■ MATERIAL PROVIDED:
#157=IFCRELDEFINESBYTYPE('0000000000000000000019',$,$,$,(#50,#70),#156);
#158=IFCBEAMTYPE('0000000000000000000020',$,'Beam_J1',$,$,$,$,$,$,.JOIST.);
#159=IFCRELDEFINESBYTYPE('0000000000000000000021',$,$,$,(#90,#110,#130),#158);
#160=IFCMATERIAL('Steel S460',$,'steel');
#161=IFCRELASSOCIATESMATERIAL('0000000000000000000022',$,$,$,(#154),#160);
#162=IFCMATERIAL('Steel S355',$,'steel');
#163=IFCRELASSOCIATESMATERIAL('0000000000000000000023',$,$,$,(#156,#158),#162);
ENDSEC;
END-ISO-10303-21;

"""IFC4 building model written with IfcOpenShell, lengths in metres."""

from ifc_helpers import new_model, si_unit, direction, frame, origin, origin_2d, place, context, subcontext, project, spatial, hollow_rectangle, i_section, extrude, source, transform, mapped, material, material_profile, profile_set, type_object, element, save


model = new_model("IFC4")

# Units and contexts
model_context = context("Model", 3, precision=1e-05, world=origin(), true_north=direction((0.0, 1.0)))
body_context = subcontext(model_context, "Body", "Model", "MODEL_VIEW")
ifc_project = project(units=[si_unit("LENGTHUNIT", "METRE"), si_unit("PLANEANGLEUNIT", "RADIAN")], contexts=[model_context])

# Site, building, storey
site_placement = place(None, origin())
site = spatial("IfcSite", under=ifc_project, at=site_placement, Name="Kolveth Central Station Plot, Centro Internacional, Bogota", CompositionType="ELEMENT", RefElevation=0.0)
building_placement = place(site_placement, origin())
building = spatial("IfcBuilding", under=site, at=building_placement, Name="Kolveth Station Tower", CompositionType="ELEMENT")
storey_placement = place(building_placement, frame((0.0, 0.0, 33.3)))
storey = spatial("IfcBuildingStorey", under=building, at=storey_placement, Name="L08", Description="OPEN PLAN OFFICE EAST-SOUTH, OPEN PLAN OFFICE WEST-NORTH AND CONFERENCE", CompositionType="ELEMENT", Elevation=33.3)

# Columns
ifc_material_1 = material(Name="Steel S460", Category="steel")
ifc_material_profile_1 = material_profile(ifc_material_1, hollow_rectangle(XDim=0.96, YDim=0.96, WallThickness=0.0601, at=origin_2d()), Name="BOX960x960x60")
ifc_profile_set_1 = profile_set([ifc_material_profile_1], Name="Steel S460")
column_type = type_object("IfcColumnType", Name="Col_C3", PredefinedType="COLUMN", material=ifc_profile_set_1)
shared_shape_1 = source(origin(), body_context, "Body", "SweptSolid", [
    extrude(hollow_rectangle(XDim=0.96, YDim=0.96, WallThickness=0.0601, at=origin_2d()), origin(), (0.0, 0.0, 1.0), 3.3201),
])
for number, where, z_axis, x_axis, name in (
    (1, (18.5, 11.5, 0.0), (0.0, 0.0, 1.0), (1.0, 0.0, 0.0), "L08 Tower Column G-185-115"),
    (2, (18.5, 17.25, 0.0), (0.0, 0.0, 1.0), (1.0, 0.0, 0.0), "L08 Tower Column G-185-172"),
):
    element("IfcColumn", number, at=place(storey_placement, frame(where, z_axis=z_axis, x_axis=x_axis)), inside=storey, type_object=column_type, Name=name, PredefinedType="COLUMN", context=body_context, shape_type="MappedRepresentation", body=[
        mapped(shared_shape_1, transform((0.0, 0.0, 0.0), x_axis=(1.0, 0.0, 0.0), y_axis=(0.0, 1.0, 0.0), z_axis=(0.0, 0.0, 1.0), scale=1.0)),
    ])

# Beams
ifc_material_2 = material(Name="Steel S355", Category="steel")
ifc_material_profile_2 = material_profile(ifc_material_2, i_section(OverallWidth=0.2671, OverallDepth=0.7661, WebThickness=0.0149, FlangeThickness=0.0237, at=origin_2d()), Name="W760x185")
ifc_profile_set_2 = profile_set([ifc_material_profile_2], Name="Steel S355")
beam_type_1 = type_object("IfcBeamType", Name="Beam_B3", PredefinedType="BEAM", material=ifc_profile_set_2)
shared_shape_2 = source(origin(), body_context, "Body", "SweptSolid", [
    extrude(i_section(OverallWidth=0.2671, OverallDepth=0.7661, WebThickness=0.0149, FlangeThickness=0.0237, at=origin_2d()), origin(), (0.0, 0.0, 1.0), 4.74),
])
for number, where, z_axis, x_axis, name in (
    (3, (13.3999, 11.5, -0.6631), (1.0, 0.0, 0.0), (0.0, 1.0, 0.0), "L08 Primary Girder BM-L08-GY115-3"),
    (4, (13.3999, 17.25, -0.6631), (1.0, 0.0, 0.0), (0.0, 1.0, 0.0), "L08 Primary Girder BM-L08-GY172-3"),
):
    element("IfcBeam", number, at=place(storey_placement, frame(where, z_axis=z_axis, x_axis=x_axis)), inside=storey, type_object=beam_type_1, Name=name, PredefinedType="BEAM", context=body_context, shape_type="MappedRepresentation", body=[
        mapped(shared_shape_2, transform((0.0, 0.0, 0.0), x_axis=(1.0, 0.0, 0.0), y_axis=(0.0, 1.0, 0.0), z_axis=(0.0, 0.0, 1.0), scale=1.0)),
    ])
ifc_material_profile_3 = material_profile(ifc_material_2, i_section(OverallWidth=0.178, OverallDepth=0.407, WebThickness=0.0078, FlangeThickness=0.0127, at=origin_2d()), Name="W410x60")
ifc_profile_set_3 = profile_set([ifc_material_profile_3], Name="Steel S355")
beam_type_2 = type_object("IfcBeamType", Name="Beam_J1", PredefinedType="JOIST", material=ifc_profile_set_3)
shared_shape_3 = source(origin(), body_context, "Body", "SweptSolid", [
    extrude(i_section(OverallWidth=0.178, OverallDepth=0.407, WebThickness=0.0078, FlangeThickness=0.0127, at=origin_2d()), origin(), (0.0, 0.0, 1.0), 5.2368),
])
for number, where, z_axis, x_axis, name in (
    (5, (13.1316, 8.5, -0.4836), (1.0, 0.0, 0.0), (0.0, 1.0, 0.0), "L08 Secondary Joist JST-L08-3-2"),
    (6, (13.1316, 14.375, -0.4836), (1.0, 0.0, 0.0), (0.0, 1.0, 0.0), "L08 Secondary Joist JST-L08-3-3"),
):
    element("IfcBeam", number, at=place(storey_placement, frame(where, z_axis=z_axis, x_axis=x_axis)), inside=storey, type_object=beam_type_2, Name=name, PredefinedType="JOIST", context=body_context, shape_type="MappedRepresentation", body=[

■ INSTRUCTIONS FOR THE TASK: Return the material above unaltered. Include every line.

■ WRITTEN SOLUTION:
#157=IFCRELDEFINESBYTYPE('0000000000000000000019',$,$,$,(#50,#70),#156);
#158=IFCBEAMTYPE('0000000000000000000020',$,'Beam_J1',$,$,$,$,$,$,.JOIST.);
#159=IFCRELDEFINESBYTYPE('0000000000000000000021',$,$,$,(#90,#110,#130),#158);
#160=IFCMATERIAL('Steel S460',$,'steel');
#161=IFCRELASSOCIATESMATERIAL('0000000000000000000022',$,$,$,(#154),#160);
#162=IFCMATERIAL('Steel S355',$,'steel');
#163=IFCRELASSOCIATESMATERIAL('0000000000000000000023',$,$,$,(#156,#158),#162);
ENDSEC;
END-ISO-10303-21;

"""IFC4 building model written with IfcOpenShell, lengths in metres."""

from ifc_helpers import new_model, si_unit, direction, frame, origin, origin_2d, place, context, subcontext, project, spatial, hollow_rectangle, i_section, extrude, source, transform, mapped, material, material_profile, profile_set, type_object, element, save


model = new_model("IFC4")

# Units and contexts
model_context = context("Model", 3, precision=1e-05, world=origin(), true_north=direction((0.0, 1.0)))
body_context = subcontext(model_context, "Body", "Model", "MODEL_VIEW")
ifc_project = project(units=[si_unit("LENGTHUNIT", "METRE"), si_unit("PLANEANGLEUNIT", "RADIAN")], contexts=[model_context])

# Site, building, storey
site_placement = place(None, origin())
site = spatial("IfcSite", under=ifc_project, at=site_placement, Name="Kolveth Central Station Plot, Centro Internacional, Bogota", CompositionType="ELEMENT", RefElevation=0.0)
building_placement = place(site_placement, origin())
building = spatial("IfcBuilding", under=site, at=building_placement, Name="Kolveth Station Tower", CompositionType="ELEMENT")
storey_placement = place(building_placement, frame((0.0, 0.0, 33.3)))
storey = spatial("IfcBuildingStorey", under=building, at=storey_placement, Name="L08", Description="OPEN PLAN OFFICE EAST-SOUTH, OPEN PLAN OFFICE WEST-NORTH AND CONFERENCE", CompositionType="ELEMENT", Elevation=33.3)

# Columns
ifc_material_1 = material(Name="Steel S460", Category="steel")
ifc_material_profile_1 = material_profile(ifc_material_1, hollow_rectangle(XDim=0.96, YDim=0.96, WallThickness=0.0601, at=origin_2d()), Name="BOX960x960x60")
ifc_profile_set_1 = profile_set([ifc_material_profile_1], Name="Steel S460")
column_type = type_object("IfcColumnType", Name="Col_C3", PredefinedType="COLUMN", material=ifc_profile_set_1)
shared_shape_1 = source(origin(), body_context, "Body", "SweptSolid", [
    extrude(hollow_rectangle(XDim=0.96, YDim=0.96, WallThickness=0.0601, at=origin_2d()), origin(), (0.0, 0.0, 1.0), 3.3201),
])
for number, where, z_axis, x_axis, name in (
    (1, (18.5, 11.5, 0.0), (0.0, 0.0, 1.0), (1.0, 0.0, 0.0), "L08 Tower Column G-185-115"),
    (2, (18.5, 17.25, 0.0), (0.0, 0.0, 1.0), (1.0, 0.0, 0.0), "L08 Tower Column G-185-172"),
):
    element("IfcColumn", number, at=place(storey_placement, frame(where, z_axis=z_axis, x_axis=x_axis)), inside=storey, type_object=column_type, Name=name, PredefinedType="COLUMN", context=body_context, shape_type="MappedRepresentation", body=[
        mapped(shared_shape_1, transform((0.0, 0.0, 0.0), x_axis=(1.0, 0.0, 0.0), y_axis=(0.0, 1.0, 0.0), z_axis=(0.0, 0.0, 1.0), scale=1.0)),
    ])

# Beams
ifc_material_2 = material(Name="Steel S355", Category="steel")
ifc_material_profile_2 = material_profile(ifc_material_2, i_section(OverallWidth=0.2671, OverallDepth=0.7661, WebThickness=0.0149, FlangeThickness=0.0237, at=origin_2d()), Name="W760x185")
ifc_profile_set_2 = profile_set([ifc_material_profile_2], Name="Steel S355")
beam_type_1 = type_object("IfcBeamType", Name="Beam_B3", PredefinedType="BEAM", material=ifc_profile_set_2)
shared_shape_2 = source(origin(), body_context, "Body", "SweptSolid", [
    extrude(i_section(OverallWidth=0.2671, OverallDepth=0.7661, WebThickness=0.0149, FlangeThickness=0.0237, at=origin_2d()), origin(), (0.0, 0.0, 1.0), 4.74),
])
for number, where, z_axis, x_axis, name in (
    (3, (13.3999, 11.5, -0.6631), (1.0, 0.0, 0.0), (0.0, 1.0, 0.0), "L08 Primary Girder BM-L08-GY115-3"),
    (4, (13.3999, 17.25, -0.6631), (1.0, 0.0, 0.0), (0.0, 1.0, 0.0), "L08 Primary Girder BM-L08-GY172-3"),
):
    element("IfcBeam", number, at=place(storey_placement, frame(where, z_axis=z_axis, x_axis=x_axis)), inside=storey, type_object=beam_type_1, Name=name, PredefinedType="BEAM", context=body_context, shape_type="MappedRepresentation", body=[
        mapped(shared_shape_2, transform((0.0, 0.0, 0.0), x_axis=(1.0, 0.0, 0.0), y_axis=(0.0, 1.0, 0.0), z_axis=(0.0, 0.0, 1.0), scale=1.0)),
    ])
ifc_material_profile_3 = material_profile(ifc_material_2, i_section(OverallWidth=0.178, OverallDepth=0.407, WebThickness=0.0078, FlangeThickness=0.0127, at=origin_2d()), Name="W410x60")
ifc_profile_set_3 = profile_set([ifc_material_profile_3], Name="Steel S355")
beam_type_2 = type_object("IfcBeamType", Name="Beam_J1", PredefinedType="JOIST", material=ifc_profile_set_3)
shared_shape_3 = source(origin(), body_context, "Body", "SweptSolid", [
    extrude(i_section(OverallWidth=0.178, OverallDepth=0.407, WebThickness=0.0078, FlangeThickness=0.0127, at=origin_2d()), origin(), (0.0, 0.0, 1.0), 5.2368),
])
for number, where, z_axis, x_axis, name in (
    (5, (13.1316, 8.5, -0.4836), (1.0, 0.0, 0.0), (0.0, 1.0, 0.0), "L08 Secondary Joist JST-L08-3-2"),
    (6, (13.1316, 14.375, -0.4836), (1.0, 0.0, 0.0), (0.0, 1.0, 0.0), "L08 Secondary Joist JST-L08-3-3"),
):
    element("IfcBeam", number, at=place(storey_placement, frame(where, z_axis=z_axis, x_axis=x_axis)), inside=storey, type_object=beam_type_2, Name=name, PredefinedType="JOIST", context=body_context, shape_type="MappedRepresentation", body=[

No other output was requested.